--- START ---

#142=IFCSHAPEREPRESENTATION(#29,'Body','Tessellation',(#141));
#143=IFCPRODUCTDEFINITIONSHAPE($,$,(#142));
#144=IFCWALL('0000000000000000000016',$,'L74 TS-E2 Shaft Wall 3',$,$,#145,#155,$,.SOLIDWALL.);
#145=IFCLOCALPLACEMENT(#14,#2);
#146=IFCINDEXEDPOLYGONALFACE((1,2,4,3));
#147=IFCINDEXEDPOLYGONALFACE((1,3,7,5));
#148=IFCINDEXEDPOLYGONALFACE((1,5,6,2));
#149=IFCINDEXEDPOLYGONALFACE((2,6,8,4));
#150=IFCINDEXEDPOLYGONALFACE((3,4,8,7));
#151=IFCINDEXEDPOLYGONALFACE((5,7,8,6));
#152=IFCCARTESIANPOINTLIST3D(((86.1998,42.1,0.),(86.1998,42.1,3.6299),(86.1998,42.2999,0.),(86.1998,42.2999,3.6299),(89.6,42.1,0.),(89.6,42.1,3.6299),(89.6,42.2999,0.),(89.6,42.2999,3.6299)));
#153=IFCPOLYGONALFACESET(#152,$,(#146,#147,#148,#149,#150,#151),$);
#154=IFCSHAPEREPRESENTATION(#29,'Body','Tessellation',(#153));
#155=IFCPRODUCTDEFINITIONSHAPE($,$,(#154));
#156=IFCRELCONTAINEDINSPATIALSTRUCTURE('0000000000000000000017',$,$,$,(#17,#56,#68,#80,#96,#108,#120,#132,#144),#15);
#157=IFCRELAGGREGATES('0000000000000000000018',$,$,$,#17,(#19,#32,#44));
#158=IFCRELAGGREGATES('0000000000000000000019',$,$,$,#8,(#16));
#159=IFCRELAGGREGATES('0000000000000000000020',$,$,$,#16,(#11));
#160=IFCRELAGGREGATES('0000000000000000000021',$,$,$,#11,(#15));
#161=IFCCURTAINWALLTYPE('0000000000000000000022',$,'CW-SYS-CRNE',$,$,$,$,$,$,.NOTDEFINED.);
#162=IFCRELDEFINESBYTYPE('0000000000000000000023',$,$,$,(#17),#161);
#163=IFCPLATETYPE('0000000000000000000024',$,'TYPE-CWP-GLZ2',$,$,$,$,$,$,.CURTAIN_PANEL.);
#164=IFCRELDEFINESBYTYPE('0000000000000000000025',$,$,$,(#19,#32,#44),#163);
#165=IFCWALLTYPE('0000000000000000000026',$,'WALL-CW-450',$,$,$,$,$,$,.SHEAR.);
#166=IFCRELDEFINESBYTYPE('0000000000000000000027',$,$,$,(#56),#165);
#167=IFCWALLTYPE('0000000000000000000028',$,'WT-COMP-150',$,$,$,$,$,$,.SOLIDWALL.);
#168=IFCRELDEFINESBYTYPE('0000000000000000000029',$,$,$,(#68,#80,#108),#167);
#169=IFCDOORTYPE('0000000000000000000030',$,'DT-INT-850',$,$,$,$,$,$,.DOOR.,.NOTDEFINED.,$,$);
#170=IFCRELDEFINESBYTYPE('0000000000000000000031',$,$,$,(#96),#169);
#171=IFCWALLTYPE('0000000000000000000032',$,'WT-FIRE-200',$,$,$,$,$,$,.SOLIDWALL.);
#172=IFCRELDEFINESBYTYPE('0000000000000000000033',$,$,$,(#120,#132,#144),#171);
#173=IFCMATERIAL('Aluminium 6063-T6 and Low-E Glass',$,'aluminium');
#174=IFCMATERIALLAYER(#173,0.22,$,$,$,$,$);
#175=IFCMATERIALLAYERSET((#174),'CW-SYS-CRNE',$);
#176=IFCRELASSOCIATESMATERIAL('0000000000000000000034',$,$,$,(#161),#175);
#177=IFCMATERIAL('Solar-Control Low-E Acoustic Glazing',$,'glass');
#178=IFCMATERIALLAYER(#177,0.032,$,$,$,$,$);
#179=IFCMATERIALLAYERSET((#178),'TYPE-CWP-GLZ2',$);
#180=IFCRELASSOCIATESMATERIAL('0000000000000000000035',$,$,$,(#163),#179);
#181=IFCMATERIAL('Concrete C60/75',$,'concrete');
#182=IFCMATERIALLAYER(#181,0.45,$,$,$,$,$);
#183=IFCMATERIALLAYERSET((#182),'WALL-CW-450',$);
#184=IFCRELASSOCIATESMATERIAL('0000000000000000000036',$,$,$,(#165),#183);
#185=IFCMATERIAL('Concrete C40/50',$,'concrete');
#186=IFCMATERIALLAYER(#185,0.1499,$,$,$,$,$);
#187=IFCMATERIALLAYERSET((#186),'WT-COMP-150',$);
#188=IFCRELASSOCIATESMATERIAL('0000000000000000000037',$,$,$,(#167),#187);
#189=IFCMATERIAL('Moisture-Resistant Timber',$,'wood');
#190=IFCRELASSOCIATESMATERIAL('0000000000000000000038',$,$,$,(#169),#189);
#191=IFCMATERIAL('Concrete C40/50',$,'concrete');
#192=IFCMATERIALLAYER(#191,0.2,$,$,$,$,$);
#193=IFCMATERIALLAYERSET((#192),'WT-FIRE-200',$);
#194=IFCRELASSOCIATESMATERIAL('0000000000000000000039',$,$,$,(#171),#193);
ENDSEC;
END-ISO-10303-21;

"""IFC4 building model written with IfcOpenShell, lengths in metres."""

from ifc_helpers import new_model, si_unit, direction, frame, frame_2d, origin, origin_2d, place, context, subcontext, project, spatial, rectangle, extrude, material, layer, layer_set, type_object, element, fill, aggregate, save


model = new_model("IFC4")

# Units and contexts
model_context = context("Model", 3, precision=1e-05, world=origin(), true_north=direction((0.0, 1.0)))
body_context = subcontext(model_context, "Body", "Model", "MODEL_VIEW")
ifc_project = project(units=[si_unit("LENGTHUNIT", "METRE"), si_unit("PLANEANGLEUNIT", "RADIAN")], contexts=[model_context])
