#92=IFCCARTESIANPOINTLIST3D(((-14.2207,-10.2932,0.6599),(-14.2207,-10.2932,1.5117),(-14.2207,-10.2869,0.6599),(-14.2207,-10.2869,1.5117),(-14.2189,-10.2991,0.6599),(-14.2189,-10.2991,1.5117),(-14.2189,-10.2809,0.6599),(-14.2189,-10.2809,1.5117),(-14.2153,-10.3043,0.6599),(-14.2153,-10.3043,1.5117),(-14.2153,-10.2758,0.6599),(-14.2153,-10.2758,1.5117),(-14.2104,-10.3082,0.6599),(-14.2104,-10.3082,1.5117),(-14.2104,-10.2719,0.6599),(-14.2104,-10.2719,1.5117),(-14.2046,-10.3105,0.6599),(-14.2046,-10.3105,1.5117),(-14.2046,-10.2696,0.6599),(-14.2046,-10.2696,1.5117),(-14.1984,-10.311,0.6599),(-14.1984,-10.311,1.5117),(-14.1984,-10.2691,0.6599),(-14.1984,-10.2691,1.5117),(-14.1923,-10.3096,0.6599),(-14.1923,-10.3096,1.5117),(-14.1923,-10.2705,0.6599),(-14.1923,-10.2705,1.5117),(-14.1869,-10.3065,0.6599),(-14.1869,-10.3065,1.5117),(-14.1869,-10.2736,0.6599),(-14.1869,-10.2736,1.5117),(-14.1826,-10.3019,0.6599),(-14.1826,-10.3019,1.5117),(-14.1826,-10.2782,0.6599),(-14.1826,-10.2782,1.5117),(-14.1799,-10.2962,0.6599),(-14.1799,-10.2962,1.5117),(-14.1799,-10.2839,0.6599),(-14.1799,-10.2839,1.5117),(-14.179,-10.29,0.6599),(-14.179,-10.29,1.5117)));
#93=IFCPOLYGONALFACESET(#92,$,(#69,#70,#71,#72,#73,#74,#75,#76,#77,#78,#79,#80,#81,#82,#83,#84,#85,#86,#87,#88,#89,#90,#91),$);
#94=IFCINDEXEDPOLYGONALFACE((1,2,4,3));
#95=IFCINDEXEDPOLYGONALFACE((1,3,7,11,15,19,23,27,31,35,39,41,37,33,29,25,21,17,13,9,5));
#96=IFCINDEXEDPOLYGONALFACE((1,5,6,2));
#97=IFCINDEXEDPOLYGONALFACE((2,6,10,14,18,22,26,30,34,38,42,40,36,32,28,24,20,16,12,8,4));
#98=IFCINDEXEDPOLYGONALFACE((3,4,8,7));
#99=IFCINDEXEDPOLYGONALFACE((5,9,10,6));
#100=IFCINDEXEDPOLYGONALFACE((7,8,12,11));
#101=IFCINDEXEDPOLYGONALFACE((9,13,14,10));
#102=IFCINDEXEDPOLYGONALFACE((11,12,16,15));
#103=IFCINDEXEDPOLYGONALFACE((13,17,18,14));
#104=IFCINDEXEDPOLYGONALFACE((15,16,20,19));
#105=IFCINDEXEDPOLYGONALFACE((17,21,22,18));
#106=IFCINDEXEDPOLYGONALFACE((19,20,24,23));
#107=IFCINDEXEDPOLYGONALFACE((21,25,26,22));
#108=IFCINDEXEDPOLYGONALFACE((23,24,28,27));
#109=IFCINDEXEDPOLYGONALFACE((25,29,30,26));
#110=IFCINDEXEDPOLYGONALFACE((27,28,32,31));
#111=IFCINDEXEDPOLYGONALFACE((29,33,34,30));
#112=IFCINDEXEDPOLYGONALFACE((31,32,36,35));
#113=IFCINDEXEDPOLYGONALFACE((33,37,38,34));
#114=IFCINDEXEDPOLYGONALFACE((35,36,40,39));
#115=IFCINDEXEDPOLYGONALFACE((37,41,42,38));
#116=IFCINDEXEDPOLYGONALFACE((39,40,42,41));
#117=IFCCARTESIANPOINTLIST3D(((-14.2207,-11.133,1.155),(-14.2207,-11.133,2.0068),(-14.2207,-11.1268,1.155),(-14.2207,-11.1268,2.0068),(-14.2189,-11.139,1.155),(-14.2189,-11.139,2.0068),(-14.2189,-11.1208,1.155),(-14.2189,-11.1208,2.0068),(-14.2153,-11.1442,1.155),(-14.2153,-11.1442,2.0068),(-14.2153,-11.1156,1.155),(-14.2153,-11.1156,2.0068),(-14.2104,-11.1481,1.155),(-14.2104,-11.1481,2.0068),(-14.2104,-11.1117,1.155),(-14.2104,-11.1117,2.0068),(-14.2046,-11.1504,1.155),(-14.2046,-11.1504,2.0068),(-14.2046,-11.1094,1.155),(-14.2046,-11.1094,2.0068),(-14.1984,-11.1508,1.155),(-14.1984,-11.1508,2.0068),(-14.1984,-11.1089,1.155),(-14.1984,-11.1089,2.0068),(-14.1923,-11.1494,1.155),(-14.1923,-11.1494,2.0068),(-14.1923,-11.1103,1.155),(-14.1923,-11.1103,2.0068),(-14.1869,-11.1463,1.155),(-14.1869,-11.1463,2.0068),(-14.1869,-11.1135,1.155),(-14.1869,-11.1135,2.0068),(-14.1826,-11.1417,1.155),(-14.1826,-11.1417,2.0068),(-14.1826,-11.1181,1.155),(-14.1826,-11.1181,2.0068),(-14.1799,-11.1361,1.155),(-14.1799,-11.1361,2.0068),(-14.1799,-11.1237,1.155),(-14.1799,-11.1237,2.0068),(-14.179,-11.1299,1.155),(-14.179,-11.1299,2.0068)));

--- END ---

**Required work:** Reproduce verbatim the lines above, from the line with "#102=IFCINDEXEDPOLYGONALFACE((11,12,16,15));" through the line with "#114=IFCINDEXEDPOLYGONALFACE((35,36,40,39));".

**Completed exercise:**
#102=IFCINDEXEDPOLYGONALFACE((11,12,16,15));
#103=IFCINDEXEDPOLYGONALFACE((13,17,18,14));
#104=IFCINDEXEDPOLYGONALFACE((15,16,20,19));
#105=IFCINDEXEDPOLYGONALFACE((17,21,22,18));
#106=IFCINDEXEDPOLYGONALFACE((19,20,24,23));
#107=IFCINDEXEDPOLYGONALFACE((21,25,26,22));
#108=IFCINDEXEDPOLYGONALFACE((23,24,28,27));
#109=IFCINDEXEDPOLYGONALFACE((25,29,30,26));
#110=IFCINDEXEDPOLYGONALFACE((27,28,32,31));
#111=IFCINDEXEDPOLYGONALFACE((29,33,34,30));
#112=IFCINDEXEDPOLYGONALFACE((31,32,36,35));
#113=IFCINDEXEDPOLYGONALFACE((33,37,38,34));
#114=IFCINDEXEDPOLYGONALFACE((35,36,40,39));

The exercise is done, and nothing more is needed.